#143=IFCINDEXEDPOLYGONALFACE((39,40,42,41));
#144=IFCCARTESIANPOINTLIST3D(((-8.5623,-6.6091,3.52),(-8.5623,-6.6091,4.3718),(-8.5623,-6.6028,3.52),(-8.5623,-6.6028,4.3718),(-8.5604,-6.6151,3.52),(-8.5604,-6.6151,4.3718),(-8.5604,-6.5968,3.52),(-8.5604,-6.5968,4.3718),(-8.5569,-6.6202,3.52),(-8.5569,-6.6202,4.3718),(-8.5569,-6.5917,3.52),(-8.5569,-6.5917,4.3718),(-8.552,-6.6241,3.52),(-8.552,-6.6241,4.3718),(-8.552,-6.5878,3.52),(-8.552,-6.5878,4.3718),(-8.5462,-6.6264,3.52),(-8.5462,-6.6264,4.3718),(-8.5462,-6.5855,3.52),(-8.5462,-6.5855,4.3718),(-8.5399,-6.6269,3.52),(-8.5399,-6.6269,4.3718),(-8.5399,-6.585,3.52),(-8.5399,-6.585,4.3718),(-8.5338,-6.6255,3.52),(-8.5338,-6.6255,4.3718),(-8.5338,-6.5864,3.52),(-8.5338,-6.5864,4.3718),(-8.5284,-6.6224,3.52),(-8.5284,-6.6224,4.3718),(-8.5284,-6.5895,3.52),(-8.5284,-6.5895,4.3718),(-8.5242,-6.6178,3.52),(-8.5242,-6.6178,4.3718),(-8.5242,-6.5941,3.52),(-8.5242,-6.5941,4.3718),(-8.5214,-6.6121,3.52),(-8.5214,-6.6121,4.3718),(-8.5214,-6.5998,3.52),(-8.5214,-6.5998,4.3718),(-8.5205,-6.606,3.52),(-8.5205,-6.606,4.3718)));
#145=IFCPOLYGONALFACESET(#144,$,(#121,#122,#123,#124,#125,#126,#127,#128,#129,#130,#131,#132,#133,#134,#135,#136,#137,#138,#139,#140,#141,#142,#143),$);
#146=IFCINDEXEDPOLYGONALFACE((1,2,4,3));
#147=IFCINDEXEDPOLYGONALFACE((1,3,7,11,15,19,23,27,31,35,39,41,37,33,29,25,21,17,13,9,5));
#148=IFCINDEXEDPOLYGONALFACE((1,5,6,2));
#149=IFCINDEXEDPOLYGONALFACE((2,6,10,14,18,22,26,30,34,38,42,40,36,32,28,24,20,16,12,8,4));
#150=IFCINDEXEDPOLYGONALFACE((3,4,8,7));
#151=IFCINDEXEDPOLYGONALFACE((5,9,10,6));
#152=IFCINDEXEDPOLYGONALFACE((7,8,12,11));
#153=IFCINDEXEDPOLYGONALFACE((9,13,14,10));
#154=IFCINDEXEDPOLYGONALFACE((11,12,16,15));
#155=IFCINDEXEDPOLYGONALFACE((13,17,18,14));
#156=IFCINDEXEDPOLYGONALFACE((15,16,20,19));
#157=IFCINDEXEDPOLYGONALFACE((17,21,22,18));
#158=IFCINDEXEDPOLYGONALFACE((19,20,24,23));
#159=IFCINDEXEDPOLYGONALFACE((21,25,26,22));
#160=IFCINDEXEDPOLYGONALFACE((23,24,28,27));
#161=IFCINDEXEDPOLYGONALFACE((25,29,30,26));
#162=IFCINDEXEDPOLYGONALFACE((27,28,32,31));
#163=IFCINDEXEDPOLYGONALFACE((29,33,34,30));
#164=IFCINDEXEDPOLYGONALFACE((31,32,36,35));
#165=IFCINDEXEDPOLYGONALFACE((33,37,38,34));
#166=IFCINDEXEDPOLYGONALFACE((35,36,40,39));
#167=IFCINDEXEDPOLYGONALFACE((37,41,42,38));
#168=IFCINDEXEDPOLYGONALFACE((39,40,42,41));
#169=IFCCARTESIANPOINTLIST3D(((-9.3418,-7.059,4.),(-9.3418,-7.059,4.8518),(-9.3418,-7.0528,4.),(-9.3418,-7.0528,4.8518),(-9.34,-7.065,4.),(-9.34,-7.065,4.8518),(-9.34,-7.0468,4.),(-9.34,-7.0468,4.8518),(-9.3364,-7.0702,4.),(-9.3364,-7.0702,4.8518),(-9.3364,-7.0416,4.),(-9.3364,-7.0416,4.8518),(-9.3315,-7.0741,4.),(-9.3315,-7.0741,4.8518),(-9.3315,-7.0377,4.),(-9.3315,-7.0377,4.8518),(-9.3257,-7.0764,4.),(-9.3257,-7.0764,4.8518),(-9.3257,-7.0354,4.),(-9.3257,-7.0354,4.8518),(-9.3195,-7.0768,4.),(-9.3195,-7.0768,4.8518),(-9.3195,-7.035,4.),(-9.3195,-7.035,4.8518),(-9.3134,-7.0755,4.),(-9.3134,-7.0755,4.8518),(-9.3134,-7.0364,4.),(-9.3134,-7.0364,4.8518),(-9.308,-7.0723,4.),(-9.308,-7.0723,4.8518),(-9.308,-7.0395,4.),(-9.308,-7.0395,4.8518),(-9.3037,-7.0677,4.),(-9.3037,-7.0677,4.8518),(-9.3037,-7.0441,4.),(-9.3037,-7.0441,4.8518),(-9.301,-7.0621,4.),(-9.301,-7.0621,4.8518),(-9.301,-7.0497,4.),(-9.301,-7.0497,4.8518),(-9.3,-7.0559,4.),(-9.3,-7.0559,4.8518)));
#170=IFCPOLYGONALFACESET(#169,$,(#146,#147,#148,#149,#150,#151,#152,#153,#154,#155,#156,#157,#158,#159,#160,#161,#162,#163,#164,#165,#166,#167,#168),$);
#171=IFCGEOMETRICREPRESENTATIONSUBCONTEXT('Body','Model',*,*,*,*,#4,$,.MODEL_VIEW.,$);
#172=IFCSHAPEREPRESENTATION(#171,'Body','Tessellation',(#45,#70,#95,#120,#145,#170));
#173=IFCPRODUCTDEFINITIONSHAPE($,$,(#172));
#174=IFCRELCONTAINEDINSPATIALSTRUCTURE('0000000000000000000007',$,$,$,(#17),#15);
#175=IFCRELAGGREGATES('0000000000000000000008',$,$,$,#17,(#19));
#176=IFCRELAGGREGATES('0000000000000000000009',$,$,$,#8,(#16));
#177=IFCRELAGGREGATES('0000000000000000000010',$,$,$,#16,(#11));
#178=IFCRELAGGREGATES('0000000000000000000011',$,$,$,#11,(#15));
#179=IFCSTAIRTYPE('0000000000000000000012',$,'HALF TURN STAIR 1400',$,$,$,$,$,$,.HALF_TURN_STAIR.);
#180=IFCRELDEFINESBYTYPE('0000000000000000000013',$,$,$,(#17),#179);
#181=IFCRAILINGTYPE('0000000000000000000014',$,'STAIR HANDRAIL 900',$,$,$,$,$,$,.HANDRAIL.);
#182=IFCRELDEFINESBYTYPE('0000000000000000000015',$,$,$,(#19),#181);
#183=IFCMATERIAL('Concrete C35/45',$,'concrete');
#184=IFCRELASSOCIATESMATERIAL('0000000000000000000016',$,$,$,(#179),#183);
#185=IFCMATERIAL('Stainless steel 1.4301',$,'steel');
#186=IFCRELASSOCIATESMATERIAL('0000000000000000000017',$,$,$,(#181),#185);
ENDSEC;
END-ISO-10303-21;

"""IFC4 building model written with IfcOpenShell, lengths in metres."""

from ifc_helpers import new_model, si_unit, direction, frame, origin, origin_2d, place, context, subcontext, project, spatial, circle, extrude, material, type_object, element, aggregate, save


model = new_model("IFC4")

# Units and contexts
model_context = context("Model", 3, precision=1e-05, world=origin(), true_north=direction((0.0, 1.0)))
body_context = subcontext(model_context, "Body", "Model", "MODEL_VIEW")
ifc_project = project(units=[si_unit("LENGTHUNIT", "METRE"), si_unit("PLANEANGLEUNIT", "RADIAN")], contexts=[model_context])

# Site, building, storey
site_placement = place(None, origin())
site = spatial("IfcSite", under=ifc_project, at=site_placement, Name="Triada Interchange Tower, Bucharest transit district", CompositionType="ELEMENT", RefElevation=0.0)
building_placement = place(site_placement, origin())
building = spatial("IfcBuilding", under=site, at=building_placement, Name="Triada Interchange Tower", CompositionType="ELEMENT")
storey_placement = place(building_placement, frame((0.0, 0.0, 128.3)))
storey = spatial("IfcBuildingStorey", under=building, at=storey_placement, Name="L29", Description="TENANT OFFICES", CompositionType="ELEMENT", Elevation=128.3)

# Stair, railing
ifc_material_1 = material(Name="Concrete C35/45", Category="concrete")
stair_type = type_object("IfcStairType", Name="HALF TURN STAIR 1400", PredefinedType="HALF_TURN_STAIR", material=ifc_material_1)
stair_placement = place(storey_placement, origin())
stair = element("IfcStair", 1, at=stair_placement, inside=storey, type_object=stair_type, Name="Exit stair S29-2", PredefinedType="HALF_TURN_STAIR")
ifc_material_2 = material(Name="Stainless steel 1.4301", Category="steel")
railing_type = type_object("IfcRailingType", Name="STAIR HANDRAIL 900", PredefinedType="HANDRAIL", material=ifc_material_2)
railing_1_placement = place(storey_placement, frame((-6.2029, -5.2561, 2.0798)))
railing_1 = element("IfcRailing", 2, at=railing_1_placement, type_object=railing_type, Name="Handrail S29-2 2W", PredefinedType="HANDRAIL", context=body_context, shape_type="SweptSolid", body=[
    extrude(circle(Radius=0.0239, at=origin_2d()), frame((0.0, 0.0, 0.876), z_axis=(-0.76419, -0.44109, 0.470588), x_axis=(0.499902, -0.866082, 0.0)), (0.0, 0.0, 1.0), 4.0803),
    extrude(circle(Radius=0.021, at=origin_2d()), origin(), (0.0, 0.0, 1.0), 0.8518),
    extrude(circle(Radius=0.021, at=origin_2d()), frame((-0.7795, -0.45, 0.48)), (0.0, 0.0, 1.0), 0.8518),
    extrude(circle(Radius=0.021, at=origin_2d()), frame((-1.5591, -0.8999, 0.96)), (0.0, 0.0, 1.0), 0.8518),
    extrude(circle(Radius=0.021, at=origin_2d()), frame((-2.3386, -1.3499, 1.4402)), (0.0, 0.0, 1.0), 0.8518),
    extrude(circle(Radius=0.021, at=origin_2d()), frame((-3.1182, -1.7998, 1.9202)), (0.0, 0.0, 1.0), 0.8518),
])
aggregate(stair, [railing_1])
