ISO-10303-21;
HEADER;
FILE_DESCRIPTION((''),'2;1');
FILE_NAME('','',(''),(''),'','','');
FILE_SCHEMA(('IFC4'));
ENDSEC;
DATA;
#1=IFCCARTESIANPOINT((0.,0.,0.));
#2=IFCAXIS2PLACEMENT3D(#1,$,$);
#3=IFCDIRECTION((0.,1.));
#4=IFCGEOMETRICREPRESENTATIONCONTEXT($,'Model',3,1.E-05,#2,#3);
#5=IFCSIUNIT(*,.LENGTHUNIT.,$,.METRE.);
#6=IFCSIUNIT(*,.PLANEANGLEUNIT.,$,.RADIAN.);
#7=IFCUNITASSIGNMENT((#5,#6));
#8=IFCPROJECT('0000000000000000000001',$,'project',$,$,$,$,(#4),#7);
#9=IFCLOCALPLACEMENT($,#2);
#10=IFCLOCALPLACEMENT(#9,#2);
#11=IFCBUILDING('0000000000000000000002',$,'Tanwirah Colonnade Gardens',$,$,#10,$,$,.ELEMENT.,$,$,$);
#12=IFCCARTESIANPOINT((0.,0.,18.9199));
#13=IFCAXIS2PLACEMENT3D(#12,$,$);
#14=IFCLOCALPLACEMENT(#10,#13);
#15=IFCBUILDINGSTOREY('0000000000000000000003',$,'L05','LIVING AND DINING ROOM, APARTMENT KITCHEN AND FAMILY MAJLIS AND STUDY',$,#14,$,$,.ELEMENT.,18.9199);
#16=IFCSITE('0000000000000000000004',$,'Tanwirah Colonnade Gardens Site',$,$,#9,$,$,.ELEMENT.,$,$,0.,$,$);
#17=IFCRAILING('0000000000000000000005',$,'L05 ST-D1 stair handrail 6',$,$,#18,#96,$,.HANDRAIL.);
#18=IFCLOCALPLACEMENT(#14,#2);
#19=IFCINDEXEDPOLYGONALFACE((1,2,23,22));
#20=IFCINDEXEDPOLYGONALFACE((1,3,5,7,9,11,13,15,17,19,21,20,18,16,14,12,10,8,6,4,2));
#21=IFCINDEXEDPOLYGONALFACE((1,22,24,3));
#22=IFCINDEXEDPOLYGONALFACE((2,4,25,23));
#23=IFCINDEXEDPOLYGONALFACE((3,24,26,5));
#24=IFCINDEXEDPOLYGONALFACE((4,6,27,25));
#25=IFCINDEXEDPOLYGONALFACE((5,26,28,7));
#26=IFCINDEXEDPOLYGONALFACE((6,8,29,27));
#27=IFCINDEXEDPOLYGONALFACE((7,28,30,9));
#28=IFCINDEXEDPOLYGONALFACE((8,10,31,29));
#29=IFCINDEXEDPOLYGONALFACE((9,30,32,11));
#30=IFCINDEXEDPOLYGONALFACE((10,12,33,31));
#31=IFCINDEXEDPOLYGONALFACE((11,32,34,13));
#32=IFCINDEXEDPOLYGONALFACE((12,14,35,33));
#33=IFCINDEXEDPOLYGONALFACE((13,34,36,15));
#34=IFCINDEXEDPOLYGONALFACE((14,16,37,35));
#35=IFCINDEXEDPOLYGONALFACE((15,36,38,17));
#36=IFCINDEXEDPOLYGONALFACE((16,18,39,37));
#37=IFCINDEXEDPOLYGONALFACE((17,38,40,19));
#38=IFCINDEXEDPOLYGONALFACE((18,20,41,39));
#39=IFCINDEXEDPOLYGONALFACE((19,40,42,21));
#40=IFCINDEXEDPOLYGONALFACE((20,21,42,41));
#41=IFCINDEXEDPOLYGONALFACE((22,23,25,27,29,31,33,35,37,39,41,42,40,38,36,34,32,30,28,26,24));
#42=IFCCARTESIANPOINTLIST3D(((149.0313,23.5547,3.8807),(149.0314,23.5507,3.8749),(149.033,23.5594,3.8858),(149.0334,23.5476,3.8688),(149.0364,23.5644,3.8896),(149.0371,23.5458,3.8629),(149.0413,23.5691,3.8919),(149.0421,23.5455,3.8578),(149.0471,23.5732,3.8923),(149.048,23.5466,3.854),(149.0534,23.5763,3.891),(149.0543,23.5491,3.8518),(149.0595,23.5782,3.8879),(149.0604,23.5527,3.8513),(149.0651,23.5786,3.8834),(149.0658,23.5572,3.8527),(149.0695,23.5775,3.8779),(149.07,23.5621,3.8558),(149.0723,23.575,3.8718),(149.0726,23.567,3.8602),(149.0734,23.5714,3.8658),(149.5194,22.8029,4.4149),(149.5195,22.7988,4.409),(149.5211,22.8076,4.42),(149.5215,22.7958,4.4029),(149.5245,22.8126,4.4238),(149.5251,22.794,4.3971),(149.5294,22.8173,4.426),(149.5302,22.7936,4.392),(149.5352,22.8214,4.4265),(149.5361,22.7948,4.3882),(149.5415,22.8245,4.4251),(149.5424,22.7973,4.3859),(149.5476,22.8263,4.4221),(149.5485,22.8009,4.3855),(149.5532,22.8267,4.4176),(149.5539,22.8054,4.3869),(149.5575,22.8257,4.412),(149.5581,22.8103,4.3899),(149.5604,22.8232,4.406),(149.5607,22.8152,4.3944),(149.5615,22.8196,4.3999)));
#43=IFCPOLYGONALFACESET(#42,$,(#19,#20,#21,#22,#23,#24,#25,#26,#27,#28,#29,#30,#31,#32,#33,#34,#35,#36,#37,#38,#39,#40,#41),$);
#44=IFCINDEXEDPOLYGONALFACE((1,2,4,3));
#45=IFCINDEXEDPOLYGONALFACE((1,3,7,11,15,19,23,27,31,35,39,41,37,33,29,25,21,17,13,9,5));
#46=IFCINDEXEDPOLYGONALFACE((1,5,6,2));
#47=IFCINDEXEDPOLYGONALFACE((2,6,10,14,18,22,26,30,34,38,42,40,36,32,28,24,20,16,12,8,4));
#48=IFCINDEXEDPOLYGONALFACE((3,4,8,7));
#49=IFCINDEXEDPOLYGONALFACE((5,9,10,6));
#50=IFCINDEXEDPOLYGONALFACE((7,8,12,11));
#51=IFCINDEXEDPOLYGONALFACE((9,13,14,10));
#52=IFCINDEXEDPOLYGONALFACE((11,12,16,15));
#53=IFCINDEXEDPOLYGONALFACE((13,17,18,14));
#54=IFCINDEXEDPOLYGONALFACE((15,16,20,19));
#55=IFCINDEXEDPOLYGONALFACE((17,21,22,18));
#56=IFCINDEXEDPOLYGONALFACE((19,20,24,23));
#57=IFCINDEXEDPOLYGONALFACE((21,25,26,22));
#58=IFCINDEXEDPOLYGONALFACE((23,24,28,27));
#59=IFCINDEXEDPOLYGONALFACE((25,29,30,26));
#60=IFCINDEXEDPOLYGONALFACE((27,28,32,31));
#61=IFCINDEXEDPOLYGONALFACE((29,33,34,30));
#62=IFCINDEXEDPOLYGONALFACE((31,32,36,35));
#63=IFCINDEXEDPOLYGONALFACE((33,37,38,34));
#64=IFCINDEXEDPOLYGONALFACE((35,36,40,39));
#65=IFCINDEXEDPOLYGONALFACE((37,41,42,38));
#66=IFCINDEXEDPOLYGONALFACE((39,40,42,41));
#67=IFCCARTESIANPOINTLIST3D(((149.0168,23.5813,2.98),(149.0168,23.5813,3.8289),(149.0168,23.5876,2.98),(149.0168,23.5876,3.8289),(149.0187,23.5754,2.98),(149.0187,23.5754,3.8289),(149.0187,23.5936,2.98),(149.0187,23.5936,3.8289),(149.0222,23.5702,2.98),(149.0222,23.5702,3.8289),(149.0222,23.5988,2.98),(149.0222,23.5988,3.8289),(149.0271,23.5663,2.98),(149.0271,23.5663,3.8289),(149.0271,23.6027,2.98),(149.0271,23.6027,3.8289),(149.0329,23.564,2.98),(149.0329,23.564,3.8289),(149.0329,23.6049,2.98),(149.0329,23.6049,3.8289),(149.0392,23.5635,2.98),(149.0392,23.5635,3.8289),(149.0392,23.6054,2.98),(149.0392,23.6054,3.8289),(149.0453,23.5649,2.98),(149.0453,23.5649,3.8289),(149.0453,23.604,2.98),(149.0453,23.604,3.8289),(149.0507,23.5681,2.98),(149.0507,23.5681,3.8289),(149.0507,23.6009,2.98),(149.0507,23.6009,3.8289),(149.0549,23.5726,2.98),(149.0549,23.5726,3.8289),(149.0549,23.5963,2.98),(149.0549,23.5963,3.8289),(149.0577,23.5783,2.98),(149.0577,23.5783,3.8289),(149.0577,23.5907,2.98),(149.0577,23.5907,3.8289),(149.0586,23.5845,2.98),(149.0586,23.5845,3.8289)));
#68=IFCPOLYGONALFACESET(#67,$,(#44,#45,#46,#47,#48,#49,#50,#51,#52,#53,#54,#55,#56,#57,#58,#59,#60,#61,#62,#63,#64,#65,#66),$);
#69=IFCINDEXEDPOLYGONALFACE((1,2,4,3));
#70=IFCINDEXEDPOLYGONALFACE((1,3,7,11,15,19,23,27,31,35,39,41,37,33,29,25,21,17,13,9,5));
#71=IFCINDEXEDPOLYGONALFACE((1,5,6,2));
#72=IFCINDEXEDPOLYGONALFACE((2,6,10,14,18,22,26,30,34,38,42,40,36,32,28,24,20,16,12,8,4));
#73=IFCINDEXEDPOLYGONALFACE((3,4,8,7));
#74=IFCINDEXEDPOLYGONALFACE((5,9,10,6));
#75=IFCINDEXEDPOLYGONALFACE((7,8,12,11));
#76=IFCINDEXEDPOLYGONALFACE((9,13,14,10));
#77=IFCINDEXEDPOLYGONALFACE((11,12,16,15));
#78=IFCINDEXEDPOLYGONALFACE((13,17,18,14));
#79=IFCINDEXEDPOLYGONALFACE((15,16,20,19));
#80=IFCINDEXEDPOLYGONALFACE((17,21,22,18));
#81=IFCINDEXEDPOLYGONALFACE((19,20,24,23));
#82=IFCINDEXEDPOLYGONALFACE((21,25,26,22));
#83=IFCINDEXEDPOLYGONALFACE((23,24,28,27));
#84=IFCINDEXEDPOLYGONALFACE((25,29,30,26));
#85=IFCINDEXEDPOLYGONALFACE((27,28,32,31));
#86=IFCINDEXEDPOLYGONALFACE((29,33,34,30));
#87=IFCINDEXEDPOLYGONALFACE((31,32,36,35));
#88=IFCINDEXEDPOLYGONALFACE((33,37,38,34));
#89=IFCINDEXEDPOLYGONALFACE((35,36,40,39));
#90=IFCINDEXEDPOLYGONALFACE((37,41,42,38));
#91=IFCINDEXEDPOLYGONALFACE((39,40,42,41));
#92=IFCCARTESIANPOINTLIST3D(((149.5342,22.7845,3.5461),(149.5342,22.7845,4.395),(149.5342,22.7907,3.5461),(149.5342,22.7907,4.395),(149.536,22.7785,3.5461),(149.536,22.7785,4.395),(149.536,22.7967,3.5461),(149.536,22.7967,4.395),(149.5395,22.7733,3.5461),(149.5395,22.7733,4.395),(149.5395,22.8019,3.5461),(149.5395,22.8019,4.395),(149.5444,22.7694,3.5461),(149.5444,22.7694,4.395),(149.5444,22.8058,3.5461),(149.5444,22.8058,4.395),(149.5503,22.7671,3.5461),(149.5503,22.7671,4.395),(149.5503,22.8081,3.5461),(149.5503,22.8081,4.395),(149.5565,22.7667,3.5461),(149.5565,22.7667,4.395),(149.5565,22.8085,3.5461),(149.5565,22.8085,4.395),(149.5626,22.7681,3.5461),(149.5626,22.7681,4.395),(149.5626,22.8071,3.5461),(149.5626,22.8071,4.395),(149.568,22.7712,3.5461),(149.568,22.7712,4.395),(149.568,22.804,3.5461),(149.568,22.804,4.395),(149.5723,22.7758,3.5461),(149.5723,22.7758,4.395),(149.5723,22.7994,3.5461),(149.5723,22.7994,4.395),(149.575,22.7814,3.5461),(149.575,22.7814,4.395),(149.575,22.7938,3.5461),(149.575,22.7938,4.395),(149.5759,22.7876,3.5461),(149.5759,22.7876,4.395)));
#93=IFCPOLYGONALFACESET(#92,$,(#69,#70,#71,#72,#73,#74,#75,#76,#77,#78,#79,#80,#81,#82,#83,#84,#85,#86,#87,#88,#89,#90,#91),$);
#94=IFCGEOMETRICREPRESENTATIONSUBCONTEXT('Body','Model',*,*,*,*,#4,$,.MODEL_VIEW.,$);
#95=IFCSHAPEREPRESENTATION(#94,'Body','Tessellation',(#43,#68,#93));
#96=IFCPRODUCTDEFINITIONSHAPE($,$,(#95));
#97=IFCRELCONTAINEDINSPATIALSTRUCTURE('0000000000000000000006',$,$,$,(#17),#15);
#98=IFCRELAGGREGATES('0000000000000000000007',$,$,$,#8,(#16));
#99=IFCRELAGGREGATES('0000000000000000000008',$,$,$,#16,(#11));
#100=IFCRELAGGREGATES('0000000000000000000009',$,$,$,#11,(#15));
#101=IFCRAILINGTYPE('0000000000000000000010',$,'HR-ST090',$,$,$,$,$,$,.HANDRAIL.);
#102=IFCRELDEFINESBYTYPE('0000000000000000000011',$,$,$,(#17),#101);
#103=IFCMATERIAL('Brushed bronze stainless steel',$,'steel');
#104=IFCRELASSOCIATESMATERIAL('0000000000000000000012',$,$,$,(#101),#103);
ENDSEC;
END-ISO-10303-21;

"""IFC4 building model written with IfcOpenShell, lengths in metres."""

from ifc_helpers import new_model, si_unit, direction, frame, origin, origin_2d, place, context, subcontext, project, spatial, circle, extrude, material, type_object, element, save


model = new_model("IFC4")

# Units and contexts
model_context = context("Model", 3, precision=1e-05, world=origin(), true_north=direction((0.0, 1.0)))
body_context = subcontext(model_context, "Body", "Model", "MODEL_VIEW")
ifc_project = project(units=[si_unit("LENGTHUNIT", "METRE"), si_unit("PLANEANGLEUNIT", "RADIAN")], contexts=[model_context])

# Site, building, storey
site_placement = place(None, origin())
site = spatial("IfcSite", under=ifc_project, at=site_placement, Name="Tanwirah Colonnade Gardens Site", CompositionType="ELEMENT", RefElevation=0.0)
building_placement = place(site_placement, origin())
building = spatial("IfcBuilding", under=site, at=building_placement, Name="Tanwirah Colonnade Gardens", CompositionType="ELEMENT")
storey_placement = place(building_placement, frame((0.0, 0.0, 18.9199)))
storey = spatial("IfcBuildingStorey", under=building, at=storey_placement, Name="L05", Description="LIVING AND DINING ROOM, APARTMENT KITCHEN AND FAMILY MAJLIS AND STUDY", CompositionType="ELEMENT", Elevation=18.9199)

# Railing
ifc_material_1 = material(Name="Brushed bronze stainless steel", Category="steel")
railing_type_1 = type_object("IfcRailingType", Name="HR-ST090", PredefinedType="HANDRAIL", material=ifc_material_1)
railing_1_placement = place(storey_placement, frame((149.0376, 23.5845, 2.98)))
element("IfcRailing", 1, at=railing_1_placement, inside=storey, type_object=railing_type_1, Name="L05 ST-D1 stair handrail 6", PredefinedType="HANDRAIL", context=body_context, shape_type="SweptSolid", body=[
    extrude(circle(Radius=0.0239, at=origin_2d()), frame((0.0146, -0.0225, 0.8918), z_axis=(0.467762, -0.720517, 0.511912), x_axis=(0.838749, 0.544519, 0.0)), (0.0, 0.0, 1.0), 1.0435),
    extrude(circle(Radius=0.021, at=origin_2d()), origin(), (0.0, 0.0, 1.0), 0.8489),
    extrude(circle(Radius=0.021, at=origin_2d()), frame((0.5173, -0.7969, 0.5662)), (0.0, 0.0, 1.0), 0.8489),
])

save(model, "model.ifc")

## [REQUIREMENT]
Going through the data above, return each line with the word "Interchange".

## [EXPECTED ANSWER]
site = spatial("IfcSite", under=ifc_project, at=site_placement, Name="Triada Interchange Tower, Bucharest transit district", CompositionType="ELEMENT", RefElevation=0.0)
building = spatial("IfcBuilding", under=site, at=building_placement, Name="Triada Interchange Tower", CompositionType="ELEMENT")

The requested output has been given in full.